[WHAT YOU NEED TO DO]: Filter the records below, keeping only lines with the string "parts".

:: EXERCISE DATA

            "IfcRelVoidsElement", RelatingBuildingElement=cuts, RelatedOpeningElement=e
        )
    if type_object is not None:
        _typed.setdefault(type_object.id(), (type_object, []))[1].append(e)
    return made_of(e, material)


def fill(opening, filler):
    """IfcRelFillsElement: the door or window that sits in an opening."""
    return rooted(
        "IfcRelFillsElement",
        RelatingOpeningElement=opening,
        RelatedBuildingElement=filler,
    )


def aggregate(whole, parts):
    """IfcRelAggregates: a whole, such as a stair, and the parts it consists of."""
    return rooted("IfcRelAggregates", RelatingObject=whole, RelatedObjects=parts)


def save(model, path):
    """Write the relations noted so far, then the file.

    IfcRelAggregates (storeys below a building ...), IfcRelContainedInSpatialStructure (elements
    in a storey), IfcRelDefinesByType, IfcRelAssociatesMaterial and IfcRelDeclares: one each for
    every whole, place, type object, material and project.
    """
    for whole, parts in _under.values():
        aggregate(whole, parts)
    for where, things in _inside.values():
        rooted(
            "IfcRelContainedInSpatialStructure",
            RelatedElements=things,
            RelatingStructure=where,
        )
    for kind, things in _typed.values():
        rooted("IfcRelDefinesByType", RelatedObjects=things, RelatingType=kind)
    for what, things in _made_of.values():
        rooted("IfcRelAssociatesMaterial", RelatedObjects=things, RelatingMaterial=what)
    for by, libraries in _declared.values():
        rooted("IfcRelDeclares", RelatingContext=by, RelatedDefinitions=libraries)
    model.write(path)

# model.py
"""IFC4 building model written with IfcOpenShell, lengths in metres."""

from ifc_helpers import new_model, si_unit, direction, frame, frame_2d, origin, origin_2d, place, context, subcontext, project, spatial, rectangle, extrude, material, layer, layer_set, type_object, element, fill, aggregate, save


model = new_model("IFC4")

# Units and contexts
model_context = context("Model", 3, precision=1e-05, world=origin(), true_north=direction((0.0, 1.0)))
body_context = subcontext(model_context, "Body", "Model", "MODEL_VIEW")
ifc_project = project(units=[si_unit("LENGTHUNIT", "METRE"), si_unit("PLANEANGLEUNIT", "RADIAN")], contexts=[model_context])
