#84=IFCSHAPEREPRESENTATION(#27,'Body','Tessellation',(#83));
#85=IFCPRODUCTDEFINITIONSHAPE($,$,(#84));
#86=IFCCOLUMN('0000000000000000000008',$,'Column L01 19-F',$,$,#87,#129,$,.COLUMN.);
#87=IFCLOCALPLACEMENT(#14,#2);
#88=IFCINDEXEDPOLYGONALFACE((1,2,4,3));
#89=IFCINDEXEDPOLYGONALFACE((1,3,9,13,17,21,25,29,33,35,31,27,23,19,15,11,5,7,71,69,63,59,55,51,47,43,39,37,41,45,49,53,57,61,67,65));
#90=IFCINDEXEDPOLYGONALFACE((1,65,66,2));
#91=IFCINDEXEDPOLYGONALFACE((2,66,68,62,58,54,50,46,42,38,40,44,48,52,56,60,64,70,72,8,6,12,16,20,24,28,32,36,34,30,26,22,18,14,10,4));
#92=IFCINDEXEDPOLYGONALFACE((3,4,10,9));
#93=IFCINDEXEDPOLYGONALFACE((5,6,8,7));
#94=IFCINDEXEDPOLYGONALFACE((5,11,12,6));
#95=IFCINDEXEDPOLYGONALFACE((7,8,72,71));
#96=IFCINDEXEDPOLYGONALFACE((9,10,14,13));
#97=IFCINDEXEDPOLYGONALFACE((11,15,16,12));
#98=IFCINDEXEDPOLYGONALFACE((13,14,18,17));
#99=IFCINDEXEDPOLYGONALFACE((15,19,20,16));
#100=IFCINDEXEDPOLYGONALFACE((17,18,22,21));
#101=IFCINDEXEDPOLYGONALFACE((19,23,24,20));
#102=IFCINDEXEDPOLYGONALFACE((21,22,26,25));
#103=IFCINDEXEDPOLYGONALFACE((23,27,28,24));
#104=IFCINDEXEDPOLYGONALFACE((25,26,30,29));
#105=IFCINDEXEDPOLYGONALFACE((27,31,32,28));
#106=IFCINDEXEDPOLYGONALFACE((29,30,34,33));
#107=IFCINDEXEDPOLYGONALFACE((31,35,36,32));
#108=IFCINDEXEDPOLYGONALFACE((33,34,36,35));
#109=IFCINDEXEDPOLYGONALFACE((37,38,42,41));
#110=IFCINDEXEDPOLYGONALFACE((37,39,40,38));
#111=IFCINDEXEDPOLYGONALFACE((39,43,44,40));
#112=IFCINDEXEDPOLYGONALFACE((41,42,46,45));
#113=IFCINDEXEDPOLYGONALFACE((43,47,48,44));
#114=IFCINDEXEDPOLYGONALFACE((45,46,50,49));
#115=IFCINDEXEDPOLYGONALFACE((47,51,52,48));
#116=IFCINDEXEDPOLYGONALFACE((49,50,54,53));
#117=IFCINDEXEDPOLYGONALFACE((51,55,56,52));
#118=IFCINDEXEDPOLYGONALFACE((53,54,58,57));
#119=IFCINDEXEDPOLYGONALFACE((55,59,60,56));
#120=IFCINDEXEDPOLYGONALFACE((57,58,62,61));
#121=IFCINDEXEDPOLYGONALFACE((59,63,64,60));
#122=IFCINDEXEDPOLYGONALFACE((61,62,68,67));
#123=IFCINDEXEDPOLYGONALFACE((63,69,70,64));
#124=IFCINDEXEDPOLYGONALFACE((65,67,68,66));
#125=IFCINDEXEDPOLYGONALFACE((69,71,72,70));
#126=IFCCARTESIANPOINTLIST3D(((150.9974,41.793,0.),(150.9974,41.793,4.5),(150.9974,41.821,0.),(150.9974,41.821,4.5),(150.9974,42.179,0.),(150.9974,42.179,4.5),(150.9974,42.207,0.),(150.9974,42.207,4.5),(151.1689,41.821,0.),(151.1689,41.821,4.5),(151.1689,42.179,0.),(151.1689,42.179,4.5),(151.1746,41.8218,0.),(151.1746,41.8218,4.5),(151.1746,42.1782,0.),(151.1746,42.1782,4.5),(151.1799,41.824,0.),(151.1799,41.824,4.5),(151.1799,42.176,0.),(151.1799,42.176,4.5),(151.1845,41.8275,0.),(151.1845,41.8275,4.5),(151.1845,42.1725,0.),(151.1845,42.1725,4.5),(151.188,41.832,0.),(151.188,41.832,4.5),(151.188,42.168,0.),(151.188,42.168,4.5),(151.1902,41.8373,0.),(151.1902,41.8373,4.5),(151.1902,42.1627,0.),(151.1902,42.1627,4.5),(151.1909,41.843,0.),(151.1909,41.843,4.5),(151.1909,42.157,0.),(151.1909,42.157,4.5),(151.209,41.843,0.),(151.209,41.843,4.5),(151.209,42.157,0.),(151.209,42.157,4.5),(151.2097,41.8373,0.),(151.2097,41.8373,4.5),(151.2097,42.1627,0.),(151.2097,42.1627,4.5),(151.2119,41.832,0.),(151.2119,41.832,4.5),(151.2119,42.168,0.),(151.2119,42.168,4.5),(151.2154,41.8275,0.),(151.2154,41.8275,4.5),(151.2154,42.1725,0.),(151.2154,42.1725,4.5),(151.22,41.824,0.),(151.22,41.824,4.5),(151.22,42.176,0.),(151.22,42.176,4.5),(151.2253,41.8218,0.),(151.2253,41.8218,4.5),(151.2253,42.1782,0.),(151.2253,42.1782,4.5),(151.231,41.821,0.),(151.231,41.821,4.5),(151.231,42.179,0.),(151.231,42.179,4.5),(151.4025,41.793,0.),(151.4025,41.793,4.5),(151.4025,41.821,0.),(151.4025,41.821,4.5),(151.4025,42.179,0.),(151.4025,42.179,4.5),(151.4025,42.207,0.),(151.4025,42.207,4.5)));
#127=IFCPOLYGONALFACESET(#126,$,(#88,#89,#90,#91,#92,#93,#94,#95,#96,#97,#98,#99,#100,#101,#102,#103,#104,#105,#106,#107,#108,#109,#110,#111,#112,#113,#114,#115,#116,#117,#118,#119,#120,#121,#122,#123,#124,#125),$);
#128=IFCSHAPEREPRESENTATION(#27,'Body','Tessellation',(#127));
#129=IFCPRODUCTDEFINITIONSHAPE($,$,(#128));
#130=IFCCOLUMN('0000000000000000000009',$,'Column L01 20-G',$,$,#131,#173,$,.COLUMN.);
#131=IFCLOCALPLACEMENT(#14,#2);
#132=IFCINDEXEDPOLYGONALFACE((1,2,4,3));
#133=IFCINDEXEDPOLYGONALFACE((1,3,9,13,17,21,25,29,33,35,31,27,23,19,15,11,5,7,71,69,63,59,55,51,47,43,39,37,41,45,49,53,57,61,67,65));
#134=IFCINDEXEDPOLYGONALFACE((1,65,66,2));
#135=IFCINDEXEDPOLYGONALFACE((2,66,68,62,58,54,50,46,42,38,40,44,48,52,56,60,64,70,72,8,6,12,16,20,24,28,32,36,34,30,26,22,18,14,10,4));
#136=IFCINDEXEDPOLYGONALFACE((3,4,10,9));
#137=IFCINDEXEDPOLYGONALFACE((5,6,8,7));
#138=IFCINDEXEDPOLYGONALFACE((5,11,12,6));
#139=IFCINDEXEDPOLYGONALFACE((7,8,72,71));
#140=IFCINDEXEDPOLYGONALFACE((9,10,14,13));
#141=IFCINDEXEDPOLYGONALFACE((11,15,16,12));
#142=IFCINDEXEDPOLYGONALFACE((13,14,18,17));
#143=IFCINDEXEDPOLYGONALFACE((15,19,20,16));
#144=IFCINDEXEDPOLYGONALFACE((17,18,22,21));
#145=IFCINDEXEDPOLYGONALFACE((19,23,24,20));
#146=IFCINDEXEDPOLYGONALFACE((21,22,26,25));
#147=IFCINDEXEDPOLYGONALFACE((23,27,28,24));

::::

[RESPONSE AREA]:
def aggregate(whole, parts):
    """IfcRelAggregates: a whole, such as a stair, and the parts it consists of."""
    return rooted("IfcRelAggregates", RelatingObject=whole, RelatedObjects=parts)
    for whole, parts in _under.values():
        aggregate(whole, parts)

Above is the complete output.